**TASK DESCRIPTION**
Wherever the word "number" appears in the entries, copy the whole line.

----- DATASET

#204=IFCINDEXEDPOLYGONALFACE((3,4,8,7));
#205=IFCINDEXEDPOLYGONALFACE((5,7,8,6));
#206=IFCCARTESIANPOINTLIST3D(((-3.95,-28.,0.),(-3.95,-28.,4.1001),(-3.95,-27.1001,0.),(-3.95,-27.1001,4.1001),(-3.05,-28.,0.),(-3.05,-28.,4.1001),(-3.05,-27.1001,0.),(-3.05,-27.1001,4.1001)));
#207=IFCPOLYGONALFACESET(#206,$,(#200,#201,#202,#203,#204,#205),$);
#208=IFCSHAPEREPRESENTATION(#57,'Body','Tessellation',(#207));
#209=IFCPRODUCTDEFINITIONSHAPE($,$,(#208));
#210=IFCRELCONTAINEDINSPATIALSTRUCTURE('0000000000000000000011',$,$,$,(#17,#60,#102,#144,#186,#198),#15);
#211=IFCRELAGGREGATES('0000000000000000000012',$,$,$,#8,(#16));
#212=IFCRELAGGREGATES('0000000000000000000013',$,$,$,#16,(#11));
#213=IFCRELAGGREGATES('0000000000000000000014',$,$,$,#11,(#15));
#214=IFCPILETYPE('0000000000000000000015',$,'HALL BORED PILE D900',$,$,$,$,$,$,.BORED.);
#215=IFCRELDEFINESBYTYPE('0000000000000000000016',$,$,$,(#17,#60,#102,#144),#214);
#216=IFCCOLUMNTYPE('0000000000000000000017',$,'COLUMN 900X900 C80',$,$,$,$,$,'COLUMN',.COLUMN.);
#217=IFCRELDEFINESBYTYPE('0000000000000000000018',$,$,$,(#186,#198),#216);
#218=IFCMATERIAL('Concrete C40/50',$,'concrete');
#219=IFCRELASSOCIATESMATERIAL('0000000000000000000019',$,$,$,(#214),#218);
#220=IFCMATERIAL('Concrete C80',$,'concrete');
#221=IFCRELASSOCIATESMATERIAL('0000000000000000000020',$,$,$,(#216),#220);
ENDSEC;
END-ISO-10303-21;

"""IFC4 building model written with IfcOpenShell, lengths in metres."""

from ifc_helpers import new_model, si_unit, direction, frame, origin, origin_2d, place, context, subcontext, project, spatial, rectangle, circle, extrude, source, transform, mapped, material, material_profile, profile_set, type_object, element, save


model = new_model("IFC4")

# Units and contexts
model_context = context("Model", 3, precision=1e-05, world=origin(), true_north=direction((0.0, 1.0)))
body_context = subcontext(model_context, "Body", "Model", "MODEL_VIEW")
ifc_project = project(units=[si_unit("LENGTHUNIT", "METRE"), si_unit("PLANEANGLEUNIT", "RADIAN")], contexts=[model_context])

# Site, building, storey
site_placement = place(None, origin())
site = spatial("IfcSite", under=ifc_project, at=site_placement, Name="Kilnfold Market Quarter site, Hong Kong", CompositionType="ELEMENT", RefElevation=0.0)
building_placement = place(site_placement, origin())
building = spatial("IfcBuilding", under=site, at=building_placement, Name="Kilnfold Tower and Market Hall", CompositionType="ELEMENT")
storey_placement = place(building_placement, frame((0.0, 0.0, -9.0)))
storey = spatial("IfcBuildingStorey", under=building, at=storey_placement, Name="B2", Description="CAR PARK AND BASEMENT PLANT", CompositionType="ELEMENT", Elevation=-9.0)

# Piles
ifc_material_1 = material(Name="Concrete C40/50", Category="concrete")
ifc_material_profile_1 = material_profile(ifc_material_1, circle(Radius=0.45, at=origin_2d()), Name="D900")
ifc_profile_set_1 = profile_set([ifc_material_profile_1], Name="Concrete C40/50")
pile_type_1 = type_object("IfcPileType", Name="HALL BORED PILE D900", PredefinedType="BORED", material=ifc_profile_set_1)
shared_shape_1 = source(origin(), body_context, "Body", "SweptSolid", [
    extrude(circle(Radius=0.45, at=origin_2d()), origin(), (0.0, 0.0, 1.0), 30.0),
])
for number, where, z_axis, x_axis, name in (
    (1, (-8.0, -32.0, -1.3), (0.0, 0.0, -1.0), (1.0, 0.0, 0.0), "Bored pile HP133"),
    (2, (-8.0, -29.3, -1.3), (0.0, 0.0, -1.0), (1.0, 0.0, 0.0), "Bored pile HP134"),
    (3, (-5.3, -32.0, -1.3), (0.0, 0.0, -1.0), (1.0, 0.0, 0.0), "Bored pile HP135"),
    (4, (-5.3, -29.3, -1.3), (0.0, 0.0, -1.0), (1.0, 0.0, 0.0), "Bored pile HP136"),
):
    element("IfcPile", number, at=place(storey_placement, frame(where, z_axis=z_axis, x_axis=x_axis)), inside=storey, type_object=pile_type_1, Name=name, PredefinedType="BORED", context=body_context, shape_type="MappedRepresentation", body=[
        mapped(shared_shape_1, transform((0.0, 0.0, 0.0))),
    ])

----------

**EXPECTED ANSWER**
for number, where, z_axis, x_axis, name in (
    element("IfcPile", number, at=place(storey_placement, frame(where, z_axis=z_axis, x_axis=x_axis)), inside=storey, type_object=pile_type_1, Name=name, PredefinedType="BORED", context=body_context, shape_type="MappedRepresentation", body=[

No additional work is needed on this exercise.